Stored data:
# # # #

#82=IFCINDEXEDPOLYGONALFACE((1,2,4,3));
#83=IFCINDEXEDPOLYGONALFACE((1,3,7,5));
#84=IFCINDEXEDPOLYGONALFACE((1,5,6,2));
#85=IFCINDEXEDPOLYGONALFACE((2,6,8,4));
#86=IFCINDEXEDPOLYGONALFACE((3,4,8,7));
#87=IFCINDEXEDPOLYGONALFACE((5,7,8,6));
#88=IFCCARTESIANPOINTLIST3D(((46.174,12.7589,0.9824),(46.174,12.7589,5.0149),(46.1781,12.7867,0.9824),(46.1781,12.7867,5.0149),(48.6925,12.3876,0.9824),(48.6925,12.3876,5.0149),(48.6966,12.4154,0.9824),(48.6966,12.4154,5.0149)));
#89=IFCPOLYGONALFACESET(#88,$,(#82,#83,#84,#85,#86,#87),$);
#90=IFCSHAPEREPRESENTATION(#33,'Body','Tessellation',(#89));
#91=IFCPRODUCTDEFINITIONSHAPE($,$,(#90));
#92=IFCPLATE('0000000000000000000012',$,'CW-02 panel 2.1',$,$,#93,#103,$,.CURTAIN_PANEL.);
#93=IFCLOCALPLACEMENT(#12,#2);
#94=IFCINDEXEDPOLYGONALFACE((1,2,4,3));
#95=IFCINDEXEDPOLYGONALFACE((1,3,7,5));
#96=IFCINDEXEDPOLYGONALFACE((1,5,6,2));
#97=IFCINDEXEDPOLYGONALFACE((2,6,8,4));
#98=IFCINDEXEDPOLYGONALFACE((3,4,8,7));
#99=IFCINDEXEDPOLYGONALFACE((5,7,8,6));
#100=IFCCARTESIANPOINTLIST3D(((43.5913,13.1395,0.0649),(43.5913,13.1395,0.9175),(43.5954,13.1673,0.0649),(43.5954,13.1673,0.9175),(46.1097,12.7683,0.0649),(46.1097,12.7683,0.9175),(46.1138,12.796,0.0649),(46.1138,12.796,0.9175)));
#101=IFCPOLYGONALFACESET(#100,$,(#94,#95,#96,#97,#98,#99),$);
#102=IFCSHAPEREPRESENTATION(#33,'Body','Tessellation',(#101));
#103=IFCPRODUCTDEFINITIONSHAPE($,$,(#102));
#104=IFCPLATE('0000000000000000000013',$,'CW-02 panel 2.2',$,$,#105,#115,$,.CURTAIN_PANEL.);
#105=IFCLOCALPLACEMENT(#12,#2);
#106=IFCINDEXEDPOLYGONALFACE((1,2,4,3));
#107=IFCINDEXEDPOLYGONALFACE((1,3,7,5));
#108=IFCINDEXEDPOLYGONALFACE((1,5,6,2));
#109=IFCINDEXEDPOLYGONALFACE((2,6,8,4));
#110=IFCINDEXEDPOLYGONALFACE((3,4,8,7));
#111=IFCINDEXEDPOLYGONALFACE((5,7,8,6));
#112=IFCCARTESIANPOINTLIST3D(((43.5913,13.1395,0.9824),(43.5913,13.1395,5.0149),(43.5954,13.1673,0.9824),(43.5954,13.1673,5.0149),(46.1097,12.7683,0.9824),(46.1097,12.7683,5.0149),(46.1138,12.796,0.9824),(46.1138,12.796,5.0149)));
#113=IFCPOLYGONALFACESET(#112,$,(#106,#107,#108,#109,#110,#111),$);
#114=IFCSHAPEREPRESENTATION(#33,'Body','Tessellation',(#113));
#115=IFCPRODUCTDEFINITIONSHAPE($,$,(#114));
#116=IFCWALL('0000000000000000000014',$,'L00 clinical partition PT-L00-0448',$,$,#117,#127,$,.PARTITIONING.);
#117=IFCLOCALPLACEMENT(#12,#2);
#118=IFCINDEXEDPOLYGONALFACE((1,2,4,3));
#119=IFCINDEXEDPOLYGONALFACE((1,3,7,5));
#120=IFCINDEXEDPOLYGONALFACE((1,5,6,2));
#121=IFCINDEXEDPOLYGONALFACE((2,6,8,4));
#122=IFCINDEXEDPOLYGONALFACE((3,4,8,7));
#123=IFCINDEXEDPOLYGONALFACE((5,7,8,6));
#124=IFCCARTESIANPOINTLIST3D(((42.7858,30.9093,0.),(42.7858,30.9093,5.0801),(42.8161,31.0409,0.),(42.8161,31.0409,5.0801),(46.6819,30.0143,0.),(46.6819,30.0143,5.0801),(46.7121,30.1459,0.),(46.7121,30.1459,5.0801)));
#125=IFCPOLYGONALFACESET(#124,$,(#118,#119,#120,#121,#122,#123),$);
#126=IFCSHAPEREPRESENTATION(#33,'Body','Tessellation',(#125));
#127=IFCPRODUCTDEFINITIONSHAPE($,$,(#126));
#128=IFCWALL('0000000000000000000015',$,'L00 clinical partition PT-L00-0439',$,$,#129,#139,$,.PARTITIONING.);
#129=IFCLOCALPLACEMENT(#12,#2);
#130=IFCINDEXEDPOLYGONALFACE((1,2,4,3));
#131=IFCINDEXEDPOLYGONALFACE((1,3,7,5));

# # # #

EXERCISE:
The required output is the lines from the one holding "#128=IFCWALL('0000000000000000000015',$,'L00 clinical partition" through the last line of the entries above, copied exactly.

YOUR SOLUTION:
#128=IFCWALL('0000000000000000000015',$,'L00 clinical partition PT-L00-0439',$,$,#129,#139,$,.PARTITIONING.);
#129=IFCLOCALPLACEMENT(#12,#2);
#130=IFCINDEXEDPOLYGONALFACE((1,2,4,3));
#131=IFCINDEXEDPOLYGONALFACE((1,3,7,5));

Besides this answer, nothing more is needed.